Extracted records
----------
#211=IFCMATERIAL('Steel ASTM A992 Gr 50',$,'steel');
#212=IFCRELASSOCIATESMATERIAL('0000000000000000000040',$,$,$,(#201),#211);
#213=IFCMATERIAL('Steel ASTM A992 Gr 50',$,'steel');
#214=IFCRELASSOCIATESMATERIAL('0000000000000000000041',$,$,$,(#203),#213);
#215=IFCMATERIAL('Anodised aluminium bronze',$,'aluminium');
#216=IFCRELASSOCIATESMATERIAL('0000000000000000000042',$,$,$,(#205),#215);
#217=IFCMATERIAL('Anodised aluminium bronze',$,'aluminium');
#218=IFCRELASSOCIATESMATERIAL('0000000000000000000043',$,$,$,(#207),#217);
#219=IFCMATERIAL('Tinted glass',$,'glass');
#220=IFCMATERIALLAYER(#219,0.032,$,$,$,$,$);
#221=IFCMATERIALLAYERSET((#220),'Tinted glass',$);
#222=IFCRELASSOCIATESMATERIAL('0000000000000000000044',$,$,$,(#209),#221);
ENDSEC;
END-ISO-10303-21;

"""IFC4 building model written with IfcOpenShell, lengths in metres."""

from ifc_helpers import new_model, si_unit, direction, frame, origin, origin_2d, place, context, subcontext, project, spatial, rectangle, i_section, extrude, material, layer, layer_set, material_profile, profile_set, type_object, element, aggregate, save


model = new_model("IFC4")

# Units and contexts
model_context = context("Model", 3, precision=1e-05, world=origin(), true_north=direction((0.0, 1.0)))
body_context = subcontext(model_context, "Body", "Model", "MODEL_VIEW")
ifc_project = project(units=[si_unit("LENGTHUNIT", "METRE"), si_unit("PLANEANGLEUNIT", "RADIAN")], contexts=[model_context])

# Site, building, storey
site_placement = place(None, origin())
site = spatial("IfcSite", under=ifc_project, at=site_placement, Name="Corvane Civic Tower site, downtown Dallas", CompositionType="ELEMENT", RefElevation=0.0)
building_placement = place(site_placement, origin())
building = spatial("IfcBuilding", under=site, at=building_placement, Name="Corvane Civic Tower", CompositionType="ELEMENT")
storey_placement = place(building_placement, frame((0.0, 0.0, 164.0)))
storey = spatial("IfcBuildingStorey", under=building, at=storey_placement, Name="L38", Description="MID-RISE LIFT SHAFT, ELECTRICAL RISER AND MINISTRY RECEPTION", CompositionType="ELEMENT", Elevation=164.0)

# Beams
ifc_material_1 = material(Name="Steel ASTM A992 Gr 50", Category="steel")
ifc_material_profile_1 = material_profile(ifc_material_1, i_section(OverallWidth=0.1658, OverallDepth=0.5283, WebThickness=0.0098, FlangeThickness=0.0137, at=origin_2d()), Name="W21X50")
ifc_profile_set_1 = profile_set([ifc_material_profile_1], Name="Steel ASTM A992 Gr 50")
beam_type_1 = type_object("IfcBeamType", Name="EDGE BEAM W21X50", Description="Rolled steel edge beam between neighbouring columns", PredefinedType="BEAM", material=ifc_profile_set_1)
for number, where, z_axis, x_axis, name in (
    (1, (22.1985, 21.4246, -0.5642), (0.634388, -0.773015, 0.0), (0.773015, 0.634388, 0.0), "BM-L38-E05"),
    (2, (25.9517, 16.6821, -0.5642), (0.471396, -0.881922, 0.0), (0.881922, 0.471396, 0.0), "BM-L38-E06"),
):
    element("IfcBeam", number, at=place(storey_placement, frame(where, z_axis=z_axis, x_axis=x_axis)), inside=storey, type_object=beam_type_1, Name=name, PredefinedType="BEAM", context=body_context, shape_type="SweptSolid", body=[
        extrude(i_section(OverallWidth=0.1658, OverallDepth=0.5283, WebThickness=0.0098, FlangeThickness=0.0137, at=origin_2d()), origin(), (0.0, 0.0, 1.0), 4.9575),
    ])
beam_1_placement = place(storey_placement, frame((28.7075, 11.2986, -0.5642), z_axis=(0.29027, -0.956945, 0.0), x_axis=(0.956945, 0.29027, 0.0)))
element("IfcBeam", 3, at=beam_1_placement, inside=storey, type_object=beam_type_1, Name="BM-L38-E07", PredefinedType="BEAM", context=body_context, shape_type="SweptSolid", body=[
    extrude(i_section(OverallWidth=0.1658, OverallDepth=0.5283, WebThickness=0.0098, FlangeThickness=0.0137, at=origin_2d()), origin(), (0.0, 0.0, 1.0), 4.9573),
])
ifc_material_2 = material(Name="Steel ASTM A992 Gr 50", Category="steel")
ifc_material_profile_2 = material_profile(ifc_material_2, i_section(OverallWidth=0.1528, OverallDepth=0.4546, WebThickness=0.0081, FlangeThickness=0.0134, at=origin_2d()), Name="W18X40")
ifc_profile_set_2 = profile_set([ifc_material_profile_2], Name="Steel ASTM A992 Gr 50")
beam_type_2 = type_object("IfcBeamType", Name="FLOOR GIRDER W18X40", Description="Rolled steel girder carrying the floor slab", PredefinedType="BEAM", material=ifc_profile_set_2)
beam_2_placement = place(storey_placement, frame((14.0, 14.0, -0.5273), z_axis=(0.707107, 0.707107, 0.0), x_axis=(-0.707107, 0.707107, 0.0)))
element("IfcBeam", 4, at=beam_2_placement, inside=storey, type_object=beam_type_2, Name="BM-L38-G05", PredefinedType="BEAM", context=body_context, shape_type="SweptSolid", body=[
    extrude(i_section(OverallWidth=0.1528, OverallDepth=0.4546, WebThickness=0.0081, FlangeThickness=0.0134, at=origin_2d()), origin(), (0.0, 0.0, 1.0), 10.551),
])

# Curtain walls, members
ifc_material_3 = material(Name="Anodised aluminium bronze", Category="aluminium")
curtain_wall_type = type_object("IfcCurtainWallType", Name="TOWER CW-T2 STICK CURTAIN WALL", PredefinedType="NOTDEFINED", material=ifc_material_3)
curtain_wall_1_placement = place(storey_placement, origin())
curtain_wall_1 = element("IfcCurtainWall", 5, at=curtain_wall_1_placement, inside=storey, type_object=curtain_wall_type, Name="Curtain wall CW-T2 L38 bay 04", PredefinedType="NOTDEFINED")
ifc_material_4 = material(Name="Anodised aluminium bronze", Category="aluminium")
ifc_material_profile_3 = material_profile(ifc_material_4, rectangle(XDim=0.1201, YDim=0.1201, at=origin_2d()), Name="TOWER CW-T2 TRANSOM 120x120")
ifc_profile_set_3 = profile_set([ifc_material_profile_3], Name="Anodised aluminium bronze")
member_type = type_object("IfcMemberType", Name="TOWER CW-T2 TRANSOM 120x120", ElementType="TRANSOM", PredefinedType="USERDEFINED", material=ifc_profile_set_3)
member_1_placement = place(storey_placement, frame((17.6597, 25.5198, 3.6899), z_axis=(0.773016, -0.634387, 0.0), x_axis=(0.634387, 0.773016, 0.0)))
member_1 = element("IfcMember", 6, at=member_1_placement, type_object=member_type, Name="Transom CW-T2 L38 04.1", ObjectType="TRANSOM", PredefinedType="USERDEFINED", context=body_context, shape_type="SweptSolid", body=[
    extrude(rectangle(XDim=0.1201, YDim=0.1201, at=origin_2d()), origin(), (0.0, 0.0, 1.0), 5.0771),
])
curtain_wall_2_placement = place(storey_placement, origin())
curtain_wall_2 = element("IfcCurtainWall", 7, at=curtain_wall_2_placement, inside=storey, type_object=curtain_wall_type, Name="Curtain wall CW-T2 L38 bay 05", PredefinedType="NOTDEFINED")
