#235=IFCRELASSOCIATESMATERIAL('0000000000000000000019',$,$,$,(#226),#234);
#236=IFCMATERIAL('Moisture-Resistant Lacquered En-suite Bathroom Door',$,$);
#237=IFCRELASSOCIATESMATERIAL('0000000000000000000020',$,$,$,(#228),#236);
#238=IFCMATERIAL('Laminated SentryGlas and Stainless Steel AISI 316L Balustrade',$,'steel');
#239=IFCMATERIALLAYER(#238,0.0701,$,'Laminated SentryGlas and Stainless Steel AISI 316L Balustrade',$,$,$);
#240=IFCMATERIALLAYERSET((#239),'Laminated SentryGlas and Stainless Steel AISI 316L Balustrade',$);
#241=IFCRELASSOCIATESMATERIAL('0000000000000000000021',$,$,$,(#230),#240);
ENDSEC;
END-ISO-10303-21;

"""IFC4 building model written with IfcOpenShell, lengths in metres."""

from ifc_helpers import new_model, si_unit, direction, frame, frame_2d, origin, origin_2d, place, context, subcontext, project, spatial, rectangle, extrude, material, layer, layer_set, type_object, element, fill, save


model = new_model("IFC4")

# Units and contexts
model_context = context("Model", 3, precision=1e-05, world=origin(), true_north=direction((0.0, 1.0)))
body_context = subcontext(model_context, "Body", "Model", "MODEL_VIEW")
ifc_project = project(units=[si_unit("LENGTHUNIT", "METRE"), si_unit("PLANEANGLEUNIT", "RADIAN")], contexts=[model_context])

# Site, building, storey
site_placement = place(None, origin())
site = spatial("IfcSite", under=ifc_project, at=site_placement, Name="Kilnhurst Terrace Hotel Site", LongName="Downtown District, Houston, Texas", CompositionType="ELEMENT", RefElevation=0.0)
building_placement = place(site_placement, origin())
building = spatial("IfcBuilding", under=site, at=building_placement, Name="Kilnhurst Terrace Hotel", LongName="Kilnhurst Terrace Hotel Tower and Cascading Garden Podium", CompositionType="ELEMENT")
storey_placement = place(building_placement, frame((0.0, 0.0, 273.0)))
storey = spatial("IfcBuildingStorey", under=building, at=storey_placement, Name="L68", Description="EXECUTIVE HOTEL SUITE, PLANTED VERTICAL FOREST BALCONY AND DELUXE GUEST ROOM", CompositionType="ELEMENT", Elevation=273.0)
----------
**AIM OF THE TASK**: Write out every line from the data above that includes "Rolled".

**ANSWER TO THIS PROBLEM**:
beam_type_1 = type_object("IfcBeamType", Name="EDGE BEAM W21X50", Description="Rolled steel edge beam between neighbouring columns", PredefinedType="BEAM", material=ifc_profile_set_1)
beam_type_2 = type_object("IfcBeamType", Name="FLOOR GIRDER W18X40", Description="Rolled steel girder carrying the floor slab", PredefinedType="BEAM", material=ifc_profile_set_2)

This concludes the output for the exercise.